_Source records_
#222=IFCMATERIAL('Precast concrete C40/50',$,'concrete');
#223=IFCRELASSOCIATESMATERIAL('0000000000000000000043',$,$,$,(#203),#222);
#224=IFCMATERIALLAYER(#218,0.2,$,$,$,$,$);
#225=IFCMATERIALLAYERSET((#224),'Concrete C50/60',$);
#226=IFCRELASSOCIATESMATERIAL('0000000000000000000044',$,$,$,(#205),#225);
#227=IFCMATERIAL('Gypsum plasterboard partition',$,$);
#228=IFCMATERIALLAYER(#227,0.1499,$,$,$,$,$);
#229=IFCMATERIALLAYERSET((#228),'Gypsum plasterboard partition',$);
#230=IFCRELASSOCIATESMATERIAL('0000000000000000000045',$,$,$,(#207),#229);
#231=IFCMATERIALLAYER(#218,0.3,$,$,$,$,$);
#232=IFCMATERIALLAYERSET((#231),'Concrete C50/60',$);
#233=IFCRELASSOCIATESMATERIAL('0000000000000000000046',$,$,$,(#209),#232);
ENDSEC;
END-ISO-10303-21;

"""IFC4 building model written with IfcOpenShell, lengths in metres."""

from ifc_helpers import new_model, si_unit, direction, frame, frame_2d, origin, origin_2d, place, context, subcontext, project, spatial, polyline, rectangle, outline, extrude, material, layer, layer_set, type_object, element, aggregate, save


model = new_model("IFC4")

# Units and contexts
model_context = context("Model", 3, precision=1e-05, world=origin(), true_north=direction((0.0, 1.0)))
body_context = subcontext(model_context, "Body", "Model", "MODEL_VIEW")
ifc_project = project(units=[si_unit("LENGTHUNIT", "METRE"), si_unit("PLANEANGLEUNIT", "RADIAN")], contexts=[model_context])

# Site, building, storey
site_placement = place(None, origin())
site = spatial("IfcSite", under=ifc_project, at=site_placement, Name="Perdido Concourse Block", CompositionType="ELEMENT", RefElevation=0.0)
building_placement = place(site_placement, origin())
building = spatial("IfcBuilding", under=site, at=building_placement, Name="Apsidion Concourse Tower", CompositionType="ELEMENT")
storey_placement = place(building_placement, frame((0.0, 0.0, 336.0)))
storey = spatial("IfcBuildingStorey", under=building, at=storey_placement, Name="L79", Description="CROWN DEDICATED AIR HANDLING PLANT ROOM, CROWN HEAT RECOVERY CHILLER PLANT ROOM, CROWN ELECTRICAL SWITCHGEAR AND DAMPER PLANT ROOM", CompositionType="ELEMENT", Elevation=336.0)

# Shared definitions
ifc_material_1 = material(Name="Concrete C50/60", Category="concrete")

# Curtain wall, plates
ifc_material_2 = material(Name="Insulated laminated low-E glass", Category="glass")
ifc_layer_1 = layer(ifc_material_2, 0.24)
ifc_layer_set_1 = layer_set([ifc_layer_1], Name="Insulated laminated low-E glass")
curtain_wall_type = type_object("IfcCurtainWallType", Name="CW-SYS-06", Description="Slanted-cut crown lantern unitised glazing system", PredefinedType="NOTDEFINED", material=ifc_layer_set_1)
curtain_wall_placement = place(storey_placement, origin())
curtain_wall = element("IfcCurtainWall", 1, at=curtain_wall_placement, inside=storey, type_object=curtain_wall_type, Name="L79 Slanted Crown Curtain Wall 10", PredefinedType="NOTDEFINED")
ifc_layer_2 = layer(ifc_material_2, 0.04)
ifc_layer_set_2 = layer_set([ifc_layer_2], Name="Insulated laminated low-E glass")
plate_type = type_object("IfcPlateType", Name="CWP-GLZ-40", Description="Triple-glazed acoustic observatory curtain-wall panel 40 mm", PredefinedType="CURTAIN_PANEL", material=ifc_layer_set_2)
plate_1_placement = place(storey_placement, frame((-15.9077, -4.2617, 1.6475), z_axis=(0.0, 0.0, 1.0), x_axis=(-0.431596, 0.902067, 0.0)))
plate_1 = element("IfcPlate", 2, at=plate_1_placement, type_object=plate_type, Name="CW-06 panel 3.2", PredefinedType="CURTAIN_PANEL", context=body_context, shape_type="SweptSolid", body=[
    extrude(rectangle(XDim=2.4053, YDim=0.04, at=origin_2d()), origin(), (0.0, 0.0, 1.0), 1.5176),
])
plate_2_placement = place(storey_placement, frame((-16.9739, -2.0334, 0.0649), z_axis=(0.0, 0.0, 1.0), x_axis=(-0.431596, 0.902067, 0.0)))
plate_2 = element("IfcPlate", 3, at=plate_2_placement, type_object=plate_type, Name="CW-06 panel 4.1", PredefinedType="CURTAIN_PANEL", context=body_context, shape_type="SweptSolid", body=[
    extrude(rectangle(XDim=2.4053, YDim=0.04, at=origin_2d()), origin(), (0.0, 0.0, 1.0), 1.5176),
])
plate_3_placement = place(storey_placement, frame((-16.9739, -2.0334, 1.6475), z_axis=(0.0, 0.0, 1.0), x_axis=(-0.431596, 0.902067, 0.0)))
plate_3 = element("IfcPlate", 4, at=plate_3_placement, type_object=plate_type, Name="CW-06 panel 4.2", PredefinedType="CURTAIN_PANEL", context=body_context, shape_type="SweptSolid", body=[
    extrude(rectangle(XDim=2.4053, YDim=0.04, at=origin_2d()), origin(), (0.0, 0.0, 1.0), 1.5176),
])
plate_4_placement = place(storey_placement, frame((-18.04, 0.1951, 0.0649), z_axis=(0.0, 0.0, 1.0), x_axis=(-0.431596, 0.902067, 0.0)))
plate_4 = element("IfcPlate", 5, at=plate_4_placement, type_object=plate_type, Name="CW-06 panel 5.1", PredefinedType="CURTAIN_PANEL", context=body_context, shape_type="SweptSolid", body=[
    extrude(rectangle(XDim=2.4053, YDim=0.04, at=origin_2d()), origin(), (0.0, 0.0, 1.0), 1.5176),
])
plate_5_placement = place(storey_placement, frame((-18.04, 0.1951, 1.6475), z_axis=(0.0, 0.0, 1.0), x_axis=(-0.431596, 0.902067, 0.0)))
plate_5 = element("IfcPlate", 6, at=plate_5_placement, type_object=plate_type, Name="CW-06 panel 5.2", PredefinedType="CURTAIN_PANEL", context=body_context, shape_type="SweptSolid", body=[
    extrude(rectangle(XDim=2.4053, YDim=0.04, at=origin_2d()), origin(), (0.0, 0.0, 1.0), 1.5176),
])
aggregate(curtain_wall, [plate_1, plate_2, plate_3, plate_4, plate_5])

--

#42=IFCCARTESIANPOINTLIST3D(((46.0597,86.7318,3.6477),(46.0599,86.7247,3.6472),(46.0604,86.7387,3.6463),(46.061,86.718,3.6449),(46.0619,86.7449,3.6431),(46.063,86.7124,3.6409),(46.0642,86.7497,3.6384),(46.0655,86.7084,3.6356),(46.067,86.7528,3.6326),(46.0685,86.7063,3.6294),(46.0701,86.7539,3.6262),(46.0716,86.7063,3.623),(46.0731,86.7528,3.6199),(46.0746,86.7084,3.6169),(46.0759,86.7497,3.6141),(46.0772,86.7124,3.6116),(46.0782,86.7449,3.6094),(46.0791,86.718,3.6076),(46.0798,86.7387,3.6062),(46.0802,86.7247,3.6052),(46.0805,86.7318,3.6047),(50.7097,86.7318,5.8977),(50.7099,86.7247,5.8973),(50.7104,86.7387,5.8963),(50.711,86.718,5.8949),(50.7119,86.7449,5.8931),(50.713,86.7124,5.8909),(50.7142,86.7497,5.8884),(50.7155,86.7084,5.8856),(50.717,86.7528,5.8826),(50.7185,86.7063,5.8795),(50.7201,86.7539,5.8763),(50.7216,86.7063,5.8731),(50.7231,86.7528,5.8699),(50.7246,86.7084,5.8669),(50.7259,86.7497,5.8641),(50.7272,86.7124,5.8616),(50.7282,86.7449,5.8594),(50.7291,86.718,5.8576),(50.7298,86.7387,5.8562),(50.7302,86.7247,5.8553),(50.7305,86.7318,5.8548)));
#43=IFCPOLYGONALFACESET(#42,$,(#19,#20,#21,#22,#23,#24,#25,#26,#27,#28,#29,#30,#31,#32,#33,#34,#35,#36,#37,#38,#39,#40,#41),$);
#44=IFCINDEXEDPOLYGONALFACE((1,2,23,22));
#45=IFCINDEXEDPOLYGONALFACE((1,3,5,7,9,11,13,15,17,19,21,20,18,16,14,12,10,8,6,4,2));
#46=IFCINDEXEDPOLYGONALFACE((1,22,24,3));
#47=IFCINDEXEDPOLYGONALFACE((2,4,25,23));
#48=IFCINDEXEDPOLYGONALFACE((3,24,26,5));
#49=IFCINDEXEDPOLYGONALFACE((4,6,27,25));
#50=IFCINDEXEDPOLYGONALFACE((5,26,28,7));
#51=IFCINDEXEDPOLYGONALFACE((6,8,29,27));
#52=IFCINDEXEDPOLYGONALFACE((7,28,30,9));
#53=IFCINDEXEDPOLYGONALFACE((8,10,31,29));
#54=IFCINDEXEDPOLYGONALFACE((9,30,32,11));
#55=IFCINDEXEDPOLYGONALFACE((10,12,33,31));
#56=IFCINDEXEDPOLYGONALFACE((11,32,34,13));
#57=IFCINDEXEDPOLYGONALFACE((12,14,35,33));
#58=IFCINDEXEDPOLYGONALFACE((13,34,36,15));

_What you have to do_
When you find a line in the records that contains the word "frame", copy it.

_Answer for the task_
from ifc_helpers import new_model, si_unit, direction, frame, frame_2d, origin, origin_2d, place, context, subcontext, project, spatial, polyline, rectangle, outline, extrude, material, layer, layer_set, type_object, element, aggregate, save
storey_placement = place(building_placement, frame((0.0, 0.0, 336.0)))
plate_1_placement = place(storey_placement, frame((-15.9077, -4.2617, 1.6475), z_axis=(0.0, 0.0, 1.0), x_axis=(-0.431596, 0.902067, 0.0)))
plate_2_placement = place(storey_placement, frame((-16.9739, -2.0334, 0.0649), z_axis=(0.0, 0.0, 1.0), x_axis=(-0.431596, 0.902067, 0.0)))
plate_3_placement = place(storey_placement, frame((-16.9739, -2.0334, 1.6475), z_axis=(0.0, 0.0, 1.0), x_axis=(-0.431596, 0.902067, 0.0)))
plate_4_placement = place(storey_placement, frame((-18.04, 0.1951, 0.0649), z_axis=(0.0, 0.0, 1.0), x_axis=(-0.431596, 0.902067, 0.0)))
plate_5_placement = place(storey_placement, frame((-18.04, 0.1951, 1.6475), z_axis=(0.0, 0.0, 1.0), x_axis=(-0.431596, 0.902067, 0.0)))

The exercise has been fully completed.